**Exercise details**. Pull every "IFCPOLYGONALFACESET" line out of the data below.
### Dataset ###
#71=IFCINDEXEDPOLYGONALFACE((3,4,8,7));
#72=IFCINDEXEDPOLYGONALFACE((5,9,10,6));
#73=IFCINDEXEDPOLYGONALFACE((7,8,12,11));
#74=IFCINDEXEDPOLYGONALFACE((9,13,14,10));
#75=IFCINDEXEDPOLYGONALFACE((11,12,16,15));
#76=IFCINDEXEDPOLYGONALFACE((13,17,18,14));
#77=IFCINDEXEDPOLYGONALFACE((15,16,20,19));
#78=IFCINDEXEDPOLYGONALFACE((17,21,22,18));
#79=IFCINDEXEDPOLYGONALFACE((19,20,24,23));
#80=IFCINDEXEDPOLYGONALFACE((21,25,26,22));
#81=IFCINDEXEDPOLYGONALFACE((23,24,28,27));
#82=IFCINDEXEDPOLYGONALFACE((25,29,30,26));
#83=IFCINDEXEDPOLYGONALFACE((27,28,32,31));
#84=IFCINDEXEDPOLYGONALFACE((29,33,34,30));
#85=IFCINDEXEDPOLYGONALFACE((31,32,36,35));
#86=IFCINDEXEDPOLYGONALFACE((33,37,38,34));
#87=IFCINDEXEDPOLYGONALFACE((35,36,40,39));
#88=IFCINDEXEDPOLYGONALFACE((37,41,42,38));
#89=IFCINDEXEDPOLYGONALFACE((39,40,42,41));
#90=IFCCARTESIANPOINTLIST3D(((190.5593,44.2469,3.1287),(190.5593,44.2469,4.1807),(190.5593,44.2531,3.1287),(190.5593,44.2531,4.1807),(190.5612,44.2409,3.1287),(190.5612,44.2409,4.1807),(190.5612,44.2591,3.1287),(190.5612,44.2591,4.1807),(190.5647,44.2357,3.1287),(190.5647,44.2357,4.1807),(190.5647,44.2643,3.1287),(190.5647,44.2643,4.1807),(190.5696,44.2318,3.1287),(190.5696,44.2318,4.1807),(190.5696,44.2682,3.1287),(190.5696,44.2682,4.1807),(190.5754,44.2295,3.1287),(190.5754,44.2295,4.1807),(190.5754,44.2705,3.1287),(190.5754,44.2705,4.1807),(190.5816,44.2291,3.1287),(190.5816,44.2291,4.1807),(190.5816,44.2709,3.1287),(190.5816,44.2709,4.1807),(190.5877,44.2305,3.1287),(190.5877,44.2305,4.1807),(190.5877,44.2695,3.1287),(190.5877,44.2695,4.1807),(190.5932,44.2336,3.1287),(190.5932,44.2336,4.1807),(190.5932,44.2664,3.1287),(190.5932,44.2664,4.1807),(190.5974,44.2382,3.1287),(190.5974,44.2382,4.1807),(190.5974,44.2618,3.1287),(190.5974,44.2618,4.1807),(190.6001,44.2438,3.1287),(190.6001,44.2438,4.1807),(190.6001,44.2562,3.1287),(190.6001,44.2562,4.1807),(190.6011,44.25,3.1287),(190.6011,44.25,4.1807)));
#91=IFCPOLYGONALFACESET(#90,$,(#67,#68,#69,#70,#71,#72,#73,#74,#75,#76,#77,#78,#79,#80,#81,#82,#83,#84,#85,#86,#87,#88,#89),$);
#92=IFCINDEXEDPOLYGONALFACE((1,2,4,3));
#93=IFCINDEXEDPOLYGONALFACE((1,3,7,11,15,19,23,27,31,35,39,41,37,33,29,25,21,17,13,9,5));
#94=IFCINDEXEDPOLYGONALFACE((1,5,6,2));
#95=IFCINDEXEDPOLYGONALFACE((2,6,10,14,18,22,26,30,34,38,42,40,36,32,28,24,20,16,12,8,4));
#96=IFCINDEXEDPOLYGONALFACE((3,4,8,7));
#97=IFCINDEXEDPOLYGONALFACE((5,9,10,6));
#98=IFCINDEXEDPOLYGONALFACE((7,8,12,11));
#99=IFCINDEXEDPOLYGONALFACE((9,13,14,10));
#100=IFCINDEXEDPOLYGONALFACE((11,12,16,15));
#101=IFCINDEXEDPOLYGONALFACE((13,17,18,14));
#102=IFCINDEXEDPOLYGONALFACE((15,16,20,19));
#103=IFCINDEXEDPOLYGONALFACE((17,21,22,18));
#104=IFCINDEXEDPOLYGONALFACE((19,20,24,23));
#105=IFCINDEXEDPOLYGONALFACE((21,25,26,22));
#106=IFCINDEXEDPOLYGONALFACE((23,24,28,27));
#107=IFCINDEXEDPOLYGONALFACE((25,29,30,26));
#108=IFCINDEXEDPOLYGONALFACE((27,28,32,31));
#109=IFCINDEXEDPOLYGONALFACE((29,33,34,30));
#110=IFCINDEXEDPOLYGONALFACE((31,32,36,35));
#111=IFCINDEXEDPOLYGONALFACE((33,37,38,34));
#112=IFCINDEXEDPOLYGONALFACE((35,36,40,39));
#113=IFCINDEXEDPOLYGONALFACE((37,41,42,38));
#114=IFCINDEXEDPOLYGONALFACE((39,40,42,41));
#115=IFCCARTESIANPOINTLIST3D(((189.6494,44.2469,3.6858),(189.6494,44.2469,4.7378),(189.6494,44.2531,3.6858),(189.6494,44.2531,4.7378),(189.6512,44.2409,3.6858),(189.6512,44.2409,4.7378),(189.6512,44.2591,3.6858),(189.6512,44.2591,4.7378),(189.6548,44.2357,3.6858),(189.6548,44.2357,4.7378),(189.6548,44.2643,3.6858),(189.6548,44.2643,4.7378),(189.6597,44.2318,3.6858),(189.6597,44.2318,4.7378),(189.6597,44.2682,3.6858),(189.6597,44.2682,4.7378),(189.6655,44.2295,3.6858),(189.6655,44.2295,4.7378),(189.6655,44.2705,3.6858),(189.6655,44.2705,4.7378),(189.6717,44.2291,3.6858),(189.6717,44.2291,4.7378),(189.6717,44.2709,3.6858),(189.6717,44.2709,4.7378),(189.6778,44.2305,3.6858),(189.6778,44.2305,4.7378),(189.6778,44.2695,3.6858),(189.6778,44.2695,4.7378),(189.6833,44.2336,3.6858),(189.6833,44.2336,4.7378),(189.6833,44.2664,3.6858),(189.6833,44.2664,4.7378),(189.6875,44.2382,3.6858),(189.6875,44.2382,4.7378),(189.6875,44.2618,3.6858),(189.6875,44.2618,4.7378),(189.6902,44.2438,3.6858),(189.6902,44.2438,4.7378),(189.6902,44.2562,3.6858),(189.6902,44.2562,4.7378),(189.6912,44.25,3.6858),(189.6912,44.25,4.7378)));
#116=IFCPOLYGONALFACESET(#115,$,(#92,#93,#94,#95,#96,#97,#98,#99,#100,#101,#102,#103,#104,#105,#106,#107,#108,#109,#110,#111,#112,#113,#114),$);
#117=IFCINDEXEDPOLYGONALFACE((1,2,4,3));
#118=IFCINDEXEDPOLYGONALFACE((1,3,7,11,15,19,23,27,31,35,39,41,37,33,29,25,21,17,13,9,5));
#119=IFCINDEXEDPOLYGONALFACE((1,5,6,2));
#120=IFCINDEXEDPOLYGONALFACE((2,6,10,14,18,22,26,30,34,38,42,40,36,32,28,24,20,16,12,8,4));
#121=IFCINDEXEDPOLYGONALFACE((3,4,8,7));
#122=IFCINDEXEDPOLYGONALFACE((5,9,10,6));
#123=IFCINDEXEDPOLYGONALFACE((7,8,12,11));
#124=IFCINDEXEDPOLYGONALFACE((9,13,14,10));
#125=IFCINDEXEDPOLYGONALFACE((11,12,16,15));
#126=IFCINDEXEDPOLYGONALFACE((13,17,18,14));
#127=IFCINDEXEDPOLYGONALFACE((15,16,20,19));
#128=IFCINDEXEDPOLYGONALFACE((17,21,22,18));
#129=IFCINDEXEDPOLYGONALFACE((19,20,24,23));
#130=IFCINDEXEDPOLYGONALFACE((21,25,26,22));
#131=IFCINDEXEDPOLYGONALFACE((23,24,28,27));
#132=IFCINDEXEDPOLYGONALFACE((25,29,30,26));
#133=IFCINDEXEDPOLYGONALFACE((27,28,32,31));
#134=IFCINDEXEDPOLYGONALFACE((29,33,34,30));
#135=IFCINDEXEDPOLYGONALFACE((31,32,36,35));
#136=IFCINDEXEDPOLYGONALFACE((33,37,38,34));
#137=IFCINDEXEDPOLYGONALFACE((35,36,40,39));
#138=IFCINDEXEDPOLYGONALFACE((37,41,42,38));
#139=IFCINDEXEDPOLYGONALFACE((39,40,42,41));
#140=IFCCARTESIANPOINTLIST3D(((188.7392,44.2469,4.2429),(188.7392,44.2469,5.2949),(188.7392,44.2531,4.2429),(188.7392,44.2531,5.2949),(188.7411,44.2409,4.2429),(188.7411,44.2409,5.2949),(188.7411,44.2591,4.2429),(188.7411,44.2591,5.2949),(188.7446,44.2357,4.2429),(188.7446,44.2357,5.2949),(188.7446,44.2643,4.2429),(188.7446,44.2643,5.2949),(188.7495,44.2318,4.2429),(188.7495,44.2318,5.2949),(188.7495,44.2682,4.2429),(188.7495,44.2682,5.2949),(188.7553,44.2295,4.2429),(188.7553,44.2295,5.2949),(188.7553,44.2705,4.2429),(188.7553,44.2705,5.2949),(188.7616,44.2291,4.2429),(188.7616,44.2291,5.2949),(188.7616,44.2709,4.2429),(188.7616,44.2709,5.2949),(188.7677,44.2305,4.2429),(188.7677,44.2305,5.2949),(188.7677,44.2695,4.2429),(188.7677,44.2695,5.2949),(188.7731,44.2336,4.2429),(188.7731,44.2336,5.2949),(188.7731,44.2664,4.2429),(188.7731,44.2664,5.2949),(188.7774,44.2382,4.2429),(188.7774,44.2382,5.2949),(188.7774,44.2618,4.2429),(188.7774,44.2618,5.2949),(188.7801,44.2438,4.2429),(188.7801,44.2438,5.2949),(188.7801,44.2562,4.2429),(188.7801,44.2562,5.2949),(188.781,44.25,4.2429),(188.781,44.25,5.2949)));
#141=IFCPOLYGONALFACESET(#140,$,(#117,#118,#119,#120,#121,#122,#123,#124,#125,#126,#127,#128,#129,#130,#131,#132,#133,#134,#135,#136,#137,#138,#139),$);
###
**Your response**.
#91=IFCPOLYGONALFACESET(#90,$,(#67,#68,#69,#70,#71,#72,#73,#74,#75,#76,#77,#78,#79,#80,#81,#82,#83,#84,#85,#86,#87,#88,#89),$);
#116=IFCPOLYGONALFACESET(#115,$,(#92,#93,#94,#95,#96,#97,#98,#99,#100,#101,#102,#103,#104,#105,#106,#107,#108,#109,#110,#111,#112,#113,#114),$);
#141=IFCPOLYGONALFACESET(#140,$,(#117,#118,#119,#120,#121,#122,#123,#124,#125,#126,#127,#128,#129,#130,#131,#132,#133,#134,#135,#136,#137,#138,#139),$);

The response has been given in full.